**Working data**
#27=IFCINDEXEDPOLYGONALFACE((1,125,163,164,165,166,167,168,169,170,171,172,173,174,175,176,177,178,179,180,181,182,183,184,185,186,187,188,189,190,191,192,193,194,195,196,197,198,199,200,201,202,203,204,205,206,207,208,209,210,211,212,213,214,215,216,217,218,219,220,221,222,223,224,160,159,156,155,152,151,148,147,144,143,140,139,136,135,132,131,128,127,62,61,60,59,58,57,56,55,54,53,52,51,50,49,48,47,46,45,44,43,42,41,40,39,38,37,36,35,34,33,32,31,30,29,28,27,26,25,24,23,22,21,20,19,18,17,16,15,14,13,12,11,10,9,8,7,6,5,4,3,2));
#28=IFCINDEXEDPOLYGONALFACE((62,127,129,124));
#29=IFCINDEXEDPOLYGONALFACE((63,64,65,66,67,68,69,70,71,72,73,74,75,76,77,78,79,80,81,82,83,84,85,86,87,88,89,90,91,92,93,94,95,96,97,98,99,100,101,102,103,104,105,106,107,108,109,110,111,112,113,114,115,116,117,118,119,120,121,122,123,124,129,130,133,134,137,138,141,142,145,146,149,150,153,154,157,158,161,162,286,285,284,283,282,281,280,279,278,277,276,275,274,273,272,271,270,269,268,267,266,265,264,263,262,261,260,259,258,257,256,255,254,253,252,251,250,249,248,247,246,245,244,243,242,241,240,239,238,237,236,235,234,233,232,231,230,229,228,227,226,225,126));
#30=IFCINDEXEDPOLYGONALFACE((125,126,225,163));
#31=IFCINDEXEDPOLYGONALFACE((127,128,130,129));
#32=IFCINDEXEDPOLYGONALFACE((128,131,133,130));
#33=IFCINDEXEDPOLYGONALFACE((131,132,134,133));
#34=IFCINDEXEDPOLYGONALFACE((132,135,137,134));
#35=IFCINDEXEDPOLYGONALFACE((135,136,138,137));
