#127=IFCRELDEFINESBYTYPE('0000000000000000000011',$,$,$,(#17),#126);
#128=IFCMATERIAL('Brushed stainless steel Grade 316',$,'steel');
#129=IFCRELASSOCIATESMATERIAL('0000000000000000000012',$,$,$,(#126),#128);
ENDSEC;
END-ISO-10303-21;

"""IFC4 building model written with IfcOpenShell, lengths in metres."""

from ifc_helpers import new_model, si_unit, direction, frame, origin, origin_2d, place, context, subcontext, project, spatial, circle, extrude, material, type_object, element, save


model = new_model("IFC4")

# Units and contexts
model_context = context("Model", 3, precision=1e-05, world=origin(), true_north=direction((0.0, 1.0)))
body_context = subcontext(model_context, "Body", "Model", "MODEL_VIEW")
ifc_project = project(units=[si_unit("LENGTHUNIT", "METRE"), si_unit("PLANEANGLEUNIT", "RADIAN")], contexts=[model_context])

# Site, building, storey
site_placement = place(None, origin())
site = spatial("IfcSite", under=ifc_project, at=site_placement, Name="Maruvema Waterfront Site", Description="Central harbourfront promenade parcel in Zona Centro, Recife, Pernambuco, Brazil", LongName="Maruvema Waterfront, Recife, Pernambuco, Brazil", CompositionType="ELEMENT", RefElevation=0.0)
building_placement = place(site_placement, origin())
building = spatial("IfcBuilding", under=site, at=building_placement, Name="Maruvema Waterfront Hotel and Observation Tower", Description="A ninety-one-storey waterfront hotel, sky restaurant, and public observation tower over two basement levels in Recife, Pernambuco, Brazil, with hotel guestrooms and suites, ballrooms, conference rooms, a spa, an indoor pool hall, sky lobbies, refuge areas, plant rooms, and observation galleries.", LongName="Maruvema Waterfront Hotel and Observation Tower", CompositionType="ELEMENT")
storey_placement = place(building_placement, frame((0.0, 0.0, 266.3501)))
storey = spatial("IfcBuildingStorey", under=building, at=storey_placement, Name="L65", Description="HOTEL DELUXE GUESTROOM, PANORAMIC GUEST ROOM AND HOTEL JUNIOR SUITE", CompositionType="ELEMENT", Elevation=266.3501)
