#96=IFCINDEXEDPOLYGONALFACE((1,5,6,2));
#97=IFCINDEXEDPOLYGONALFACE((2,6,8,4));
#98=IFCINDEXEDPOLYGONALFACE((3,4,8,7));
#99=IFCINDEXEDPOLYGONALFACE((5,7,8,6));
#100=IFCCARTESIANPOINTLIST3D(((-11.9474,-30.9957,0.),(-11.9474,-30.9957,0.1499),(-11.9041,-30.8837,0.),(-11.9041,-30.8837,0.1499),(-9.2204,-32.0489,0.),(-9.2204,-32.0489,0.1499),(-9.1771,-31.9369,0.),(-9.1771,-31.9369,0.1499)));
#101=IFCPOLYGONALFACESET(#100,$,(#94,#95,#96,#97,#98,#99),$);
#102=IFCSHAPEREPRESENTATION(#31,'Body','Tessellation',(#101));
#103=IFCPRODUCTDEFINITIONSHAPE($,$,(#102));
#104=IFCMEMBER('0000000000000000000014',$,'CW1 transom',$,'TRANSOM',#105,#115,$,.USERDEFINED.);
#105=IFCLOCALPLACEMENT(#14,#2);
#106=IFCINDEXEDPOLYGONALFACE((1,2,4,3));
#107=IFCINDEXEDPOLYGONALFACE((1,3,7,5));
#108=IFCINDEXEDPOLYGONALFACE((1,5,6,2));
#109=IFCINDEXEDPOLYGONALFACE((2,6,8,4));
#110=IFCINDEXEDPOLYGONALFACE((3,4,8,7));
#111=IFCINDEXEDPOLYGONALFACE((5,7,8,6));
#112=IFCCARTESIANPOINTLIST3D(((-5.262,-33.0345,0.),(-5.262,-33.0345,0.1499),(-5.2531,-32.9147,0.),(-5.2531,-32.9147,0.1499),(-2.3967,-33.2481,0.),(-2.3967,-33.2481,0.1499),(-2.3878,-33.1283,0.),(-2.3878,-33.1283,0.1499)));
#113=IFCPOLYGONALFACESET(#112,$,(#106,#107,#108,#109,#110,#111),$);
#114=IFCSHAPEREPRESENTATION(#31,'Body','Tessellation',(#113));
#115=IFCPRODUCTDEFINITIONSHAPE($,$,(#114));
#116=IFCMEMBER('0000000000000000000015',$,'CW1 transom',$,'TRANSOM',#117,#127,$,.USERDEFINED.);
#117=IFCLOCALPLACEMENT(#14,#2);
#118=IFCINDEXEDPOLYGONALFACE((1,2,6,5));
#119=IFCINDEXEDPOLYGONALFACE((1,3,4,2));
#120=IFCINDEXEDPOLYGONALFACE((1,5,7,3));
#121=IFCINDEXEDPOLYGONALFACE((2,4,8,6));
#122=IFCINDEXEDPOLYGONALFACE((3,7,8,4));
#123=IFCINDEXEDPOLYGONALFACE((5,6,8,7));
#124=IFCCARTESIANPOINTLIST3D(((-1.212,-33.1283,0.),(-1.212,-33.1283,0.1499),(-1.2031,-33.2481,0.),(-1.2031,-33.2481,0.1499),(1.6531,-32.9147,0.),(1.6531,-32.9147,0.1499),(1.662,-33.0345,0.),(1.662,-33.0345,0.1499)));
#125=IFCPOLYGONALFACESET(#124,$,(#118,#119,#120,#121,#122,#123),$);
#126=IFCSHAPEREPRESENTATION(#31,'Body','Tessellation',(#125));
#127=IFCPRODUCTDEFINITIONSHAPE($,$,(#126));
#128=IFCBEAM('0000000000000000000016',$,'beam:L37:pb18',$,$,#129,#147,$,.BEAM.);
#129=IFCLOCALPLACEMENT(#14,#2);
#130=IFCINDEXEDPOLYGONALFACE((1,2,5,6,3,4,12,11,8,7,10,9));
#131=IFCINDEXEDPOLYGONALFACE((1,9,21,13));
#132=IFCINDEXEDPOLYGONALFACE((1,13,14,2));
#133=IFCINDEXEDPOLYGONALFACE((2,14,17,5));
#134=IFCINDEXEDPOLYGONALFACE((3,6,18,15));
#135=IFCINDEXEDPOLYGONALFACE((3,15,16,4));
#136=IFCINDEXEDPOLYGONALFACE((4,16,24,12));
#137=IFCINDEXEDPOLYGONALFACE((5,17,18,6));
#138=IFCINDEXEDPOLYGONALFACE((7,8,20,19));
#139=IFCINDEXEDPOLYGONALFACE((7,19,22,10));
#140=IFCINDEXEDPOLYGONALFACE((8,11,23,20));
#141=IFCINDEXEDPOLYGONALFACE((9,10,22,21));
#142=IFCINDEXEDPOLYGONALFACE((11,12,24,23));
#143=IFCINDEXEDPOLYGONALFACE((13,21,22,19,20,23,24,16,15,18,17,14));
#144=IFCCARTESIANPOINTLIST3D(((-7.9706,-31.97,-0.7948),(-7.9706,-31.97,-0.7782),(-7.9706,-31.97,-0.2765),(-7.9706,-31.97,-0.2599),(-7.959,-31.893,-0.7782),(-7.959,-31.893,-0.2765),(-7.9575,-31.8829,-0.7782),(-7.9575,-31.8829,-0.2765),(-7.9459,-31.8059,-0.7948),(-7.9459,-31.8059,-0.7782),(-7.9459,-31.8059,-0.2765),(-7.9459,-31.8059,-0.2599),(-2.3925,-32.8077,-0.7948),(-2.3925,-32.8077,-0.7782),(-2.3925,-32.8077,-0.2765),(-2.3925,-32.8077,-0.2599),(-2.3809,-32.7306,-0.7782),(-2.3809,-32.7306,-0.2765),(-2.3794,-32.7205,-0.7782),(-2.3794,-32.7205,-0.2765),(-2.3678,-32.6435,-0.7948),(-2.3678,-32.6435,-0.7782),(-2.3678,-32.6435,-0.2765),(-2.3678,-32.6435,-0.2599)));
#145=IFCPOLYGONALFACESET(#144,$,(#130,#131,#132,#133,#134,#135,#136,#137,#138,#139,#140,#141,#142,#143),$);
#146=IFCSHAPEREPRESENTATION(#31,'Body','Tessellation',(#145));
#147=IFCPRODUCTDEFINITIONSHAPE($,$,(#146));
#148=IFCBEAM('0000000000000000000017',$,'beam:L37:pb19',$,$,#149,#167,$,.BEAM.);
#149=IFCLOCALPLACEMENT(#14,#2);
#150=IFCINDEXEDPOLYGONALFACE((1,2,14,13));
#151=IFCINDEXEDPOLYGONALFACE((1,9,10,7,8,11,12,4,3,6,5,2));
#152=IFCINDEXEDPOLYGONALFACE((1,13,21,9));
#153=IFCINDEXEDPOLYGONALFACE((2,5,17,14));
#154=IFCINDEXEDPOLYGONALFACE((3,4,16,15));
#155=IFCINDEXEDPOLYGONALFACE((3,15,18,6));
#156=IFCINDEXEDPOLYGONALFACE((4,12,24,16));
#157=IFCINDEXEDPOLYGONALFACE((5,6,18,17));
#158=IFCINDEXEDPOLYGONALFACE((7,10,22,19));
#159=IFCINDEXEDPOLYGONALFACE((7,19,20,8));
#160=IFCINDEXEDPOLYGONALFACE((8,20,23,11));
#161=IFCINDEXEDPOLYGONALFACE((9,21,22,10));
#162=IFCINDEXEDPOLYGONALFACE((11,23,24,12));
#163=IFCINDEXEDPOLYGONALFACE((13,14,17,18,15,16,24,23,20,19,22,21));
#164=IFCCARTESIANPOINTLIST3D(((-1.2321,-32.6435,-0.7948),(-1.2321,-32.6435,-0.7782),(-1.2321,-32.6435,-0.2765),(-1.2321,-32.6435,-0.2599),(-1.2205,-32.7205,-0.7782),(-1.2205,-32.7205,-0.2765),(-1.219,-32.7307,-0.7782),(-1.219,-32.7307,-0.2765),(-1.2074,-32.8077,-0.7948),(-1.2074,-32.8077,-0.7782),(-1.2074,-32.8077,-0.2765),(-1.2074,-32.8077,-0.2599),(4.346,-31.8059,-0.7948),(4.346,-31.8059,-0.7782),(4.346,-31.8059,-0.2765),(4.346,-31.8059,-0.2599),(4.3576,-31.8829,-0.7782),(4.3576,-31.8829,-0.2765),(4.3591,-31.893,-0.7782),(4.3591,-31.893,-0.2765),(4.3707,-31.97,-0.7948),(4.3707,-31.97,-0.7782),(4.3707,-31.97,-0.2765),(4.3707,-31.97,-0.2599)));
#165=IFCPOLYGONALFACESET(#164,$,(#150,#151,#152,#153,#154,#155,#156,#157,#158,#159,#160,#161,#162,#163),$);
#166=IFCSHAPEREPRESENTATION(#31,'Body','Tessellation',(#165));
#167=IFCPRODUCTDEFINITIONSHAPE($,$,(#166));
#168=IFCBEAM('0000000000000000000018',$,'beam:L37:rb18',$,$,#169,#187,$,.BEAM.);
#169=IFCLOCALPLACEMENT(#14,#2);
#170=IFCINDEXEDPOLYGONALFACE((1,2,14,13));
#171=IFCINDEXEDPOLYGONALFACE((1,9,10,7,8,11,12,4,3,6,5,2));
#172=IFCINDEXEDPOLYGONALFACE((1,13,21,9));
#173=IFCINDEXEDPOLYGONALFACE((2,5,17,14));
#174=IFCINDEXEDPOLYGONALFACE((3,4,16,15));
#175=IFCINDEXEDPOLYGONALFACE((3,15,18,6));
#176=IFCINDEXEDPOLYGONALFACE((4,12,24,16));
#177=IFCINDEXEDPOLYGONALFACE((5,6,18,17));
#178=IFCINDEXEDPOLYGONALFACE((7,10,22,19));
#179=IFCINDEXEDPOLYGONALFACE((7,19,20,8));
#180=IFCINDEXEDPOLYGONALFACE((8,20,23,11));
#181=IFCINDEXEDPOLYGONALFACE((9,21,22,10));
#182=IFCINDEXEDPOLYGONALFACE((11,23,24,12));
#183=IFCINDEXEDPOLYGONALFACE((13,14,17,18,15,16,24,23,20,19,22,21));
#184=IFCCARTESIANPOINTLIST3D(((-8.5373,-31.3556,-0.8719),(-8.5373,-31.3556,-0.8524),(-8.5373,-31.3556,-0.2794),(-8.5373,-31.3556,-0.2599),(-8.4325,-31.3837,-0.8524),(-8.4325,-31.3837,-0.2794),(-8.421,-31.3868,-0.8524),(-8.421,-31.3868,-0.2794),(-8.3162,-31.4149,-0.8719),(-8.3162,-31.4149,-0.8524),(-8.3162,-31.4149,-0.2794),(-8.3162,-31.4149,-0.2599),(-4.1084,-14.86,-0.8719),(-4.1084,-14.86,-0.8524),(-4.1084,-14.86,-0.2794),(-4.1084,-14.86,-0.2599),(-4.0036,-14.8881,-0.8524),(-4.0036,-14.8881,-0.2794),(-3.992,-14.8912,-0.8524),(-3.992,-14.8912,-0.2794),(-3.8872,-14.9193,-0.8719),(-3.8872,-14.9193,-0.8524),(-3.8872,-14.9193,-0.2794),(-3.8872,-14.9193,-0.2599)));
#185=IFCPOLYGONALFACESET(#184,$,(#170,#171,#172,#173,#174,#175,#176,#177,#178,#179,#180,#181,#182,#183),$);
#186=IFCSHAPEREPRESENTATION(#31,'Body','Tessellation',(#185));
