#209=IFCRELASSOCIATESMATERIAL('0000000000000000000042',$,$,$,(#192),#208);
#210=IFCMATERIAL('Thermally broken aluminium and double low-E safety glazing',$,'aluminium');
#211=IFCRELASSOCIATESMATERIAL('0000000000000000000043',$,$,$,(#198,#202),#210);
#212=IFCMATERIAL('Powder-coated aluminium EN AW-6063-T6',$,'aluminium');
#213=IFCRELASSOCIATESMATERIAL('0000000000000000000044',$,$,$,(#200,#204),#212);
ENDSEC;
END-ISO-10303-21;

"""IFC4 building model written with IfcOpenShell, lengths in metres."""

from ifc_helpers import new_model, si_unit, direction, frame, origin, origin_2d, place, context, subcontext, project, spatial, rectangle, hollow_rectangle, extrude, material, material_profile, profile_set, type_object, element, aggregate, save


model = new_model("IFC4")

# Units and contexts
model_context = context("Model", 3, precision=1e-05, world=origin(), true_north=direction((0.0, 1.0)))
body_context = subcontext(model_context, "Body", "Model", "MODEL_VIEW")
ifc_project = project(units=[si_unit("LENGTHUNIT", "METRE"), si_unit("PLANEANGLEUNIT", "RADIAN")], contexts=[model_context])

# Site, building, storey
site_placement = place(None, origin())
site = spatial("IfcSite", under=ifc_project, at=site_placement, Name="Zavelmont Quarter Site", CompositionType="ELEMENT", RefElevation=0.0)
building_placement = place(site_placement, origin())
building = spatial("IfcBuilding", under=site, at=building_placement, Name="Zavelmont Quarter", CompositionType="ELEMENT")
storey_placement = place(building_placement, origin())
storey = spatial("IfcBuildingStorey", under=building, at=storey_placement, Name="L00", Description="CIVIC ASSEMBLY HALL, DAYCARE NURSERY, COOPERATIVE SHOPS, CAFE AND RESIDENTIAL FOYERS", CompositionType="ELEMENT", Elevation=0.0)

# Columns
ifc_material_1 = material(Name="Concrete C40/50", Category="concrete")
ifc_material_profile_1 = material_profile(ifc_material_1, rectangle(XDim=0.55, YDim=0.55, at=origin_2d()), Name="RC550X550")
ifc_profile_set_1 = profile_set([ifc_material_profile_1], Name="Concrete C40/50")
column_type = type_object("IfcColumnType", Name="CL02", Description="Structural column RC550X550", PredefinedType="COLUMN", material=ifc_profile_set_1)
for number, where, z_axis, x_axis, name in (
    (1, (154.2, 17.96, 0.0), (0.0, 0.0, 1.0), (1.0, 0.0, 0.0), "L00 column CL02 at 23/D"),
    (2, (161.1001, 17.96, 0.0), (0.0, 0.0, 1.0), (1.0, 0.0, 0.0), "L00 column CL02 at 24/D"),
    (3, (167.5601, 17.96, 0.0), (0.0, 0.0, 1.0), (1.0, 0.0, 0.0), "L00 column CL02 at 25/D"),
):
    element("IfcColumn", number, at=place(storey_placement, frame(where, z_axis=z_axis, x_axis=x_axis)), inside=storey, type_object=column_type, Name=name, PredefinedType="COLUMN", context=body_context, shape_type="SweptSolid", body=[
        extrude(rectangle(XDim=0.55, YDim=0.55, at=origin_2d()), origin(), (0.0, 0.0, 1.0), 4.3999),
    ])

**Task prompt**
Would you print, exactly as written, every line above from the one holding "#130=IFCINDEXEDPOLYGONALFACE((1,2,5,6,3,4,12,11,8,7,10,9));" through the one holding "#146=IFCSHAPEREPRESENTATION(#31,'Body','Tessellation',(#145));", with both included and no other lines?

**Your response**
#130=IFCINDEXEDPOLYGONALFACE((1,2,5,6,3,4,12,11,8,7,10,9));
#131=IFCINDEXEDPOLYGONALFACE((1,9,21,13));
#132=IFCINDEXEDPOLYGONALFACE((1,13,14,2));
#133=IFCINDEXEDPOLYGONALFACE((2,14,17,5));
#134=IFCINDEXEDPOLYGONALFACE((3,6,18,15));
#135=IFCINDEXEDPOLYGONALFACE((3,15,16,4));
#136=IFCINDEXEDPOLYGONALFACE((4,16,24,12));
#137=IFCINDEXEDPOLYGONALFACE((5,17,18,6));
#138=IFCINDEXEDPOLYGONALFACE((7,8,20,19));
#139=IFCINDEXEDPOLYGONALFACE((7,19,22,10));
#140=IFCINDEXEDPOLYGONALFACE((8,11,23,20));
#141=IFCINDEXEDPOLYGONALFACE((9,10,22,21));
#142=IFCINDEXEDPOLYGONALFACE((11,12,24,23));
#143=IFCINDEXEDPOLYGONALFACE((13,21,22,19,20,23,24,16,15,18,17,14));
#144=IFCCARTESIANPOINTLIST3D(((-7.9706,-31.97,-0.7948),(-7.9706,-31.97,-0.7782),(-7.9706,-31.97,-0.2765),(-7.9706,-31.97,-0.2599),(-7.959,-31.893,-0.7782),(-7.959,-31.893,-0.2765),(-7.9575,-31.8829,-0.7782),(-7.9575,-31.8829,-0.2765),(-7.9459,-31.8059,-0.7948),(-7.9459,-31.8059,-0.7782),(-7.9459,-31.8059,-0.2765),(-7.9459,-31.8059,-0.2599),(-2.3925,-32.8077,-0.7948),(-2.3925,-32.8077,-0.7782),(-2.3925,-32.8077,-0.2765),(-2.3925,-32.8077,-0.2599),(-2.3809,-32.7306,-0.7782),(-2.3809,-32.7306,-0.2765),(-2.3794,-32.7205,-0.7782),(-2.3794,-32.7205,-0.2765),(-2.3678,-32.6435,-0.7948),(-2.3678,-32.6435,-0.7782),(-2.3678,-32.6435,-0.2765),(-2.3678,-32.6435,-0.2599)));
#145=IFCPOLYGONALFACESET(#144,$,(#130,#131,#132,#133,#134,#135,#136,#137,#138,#139,#140,#141,#142,#143),$);
#146=IFCSHAPEREPRESENTATION(#31,'Body','Tessellation',(#145));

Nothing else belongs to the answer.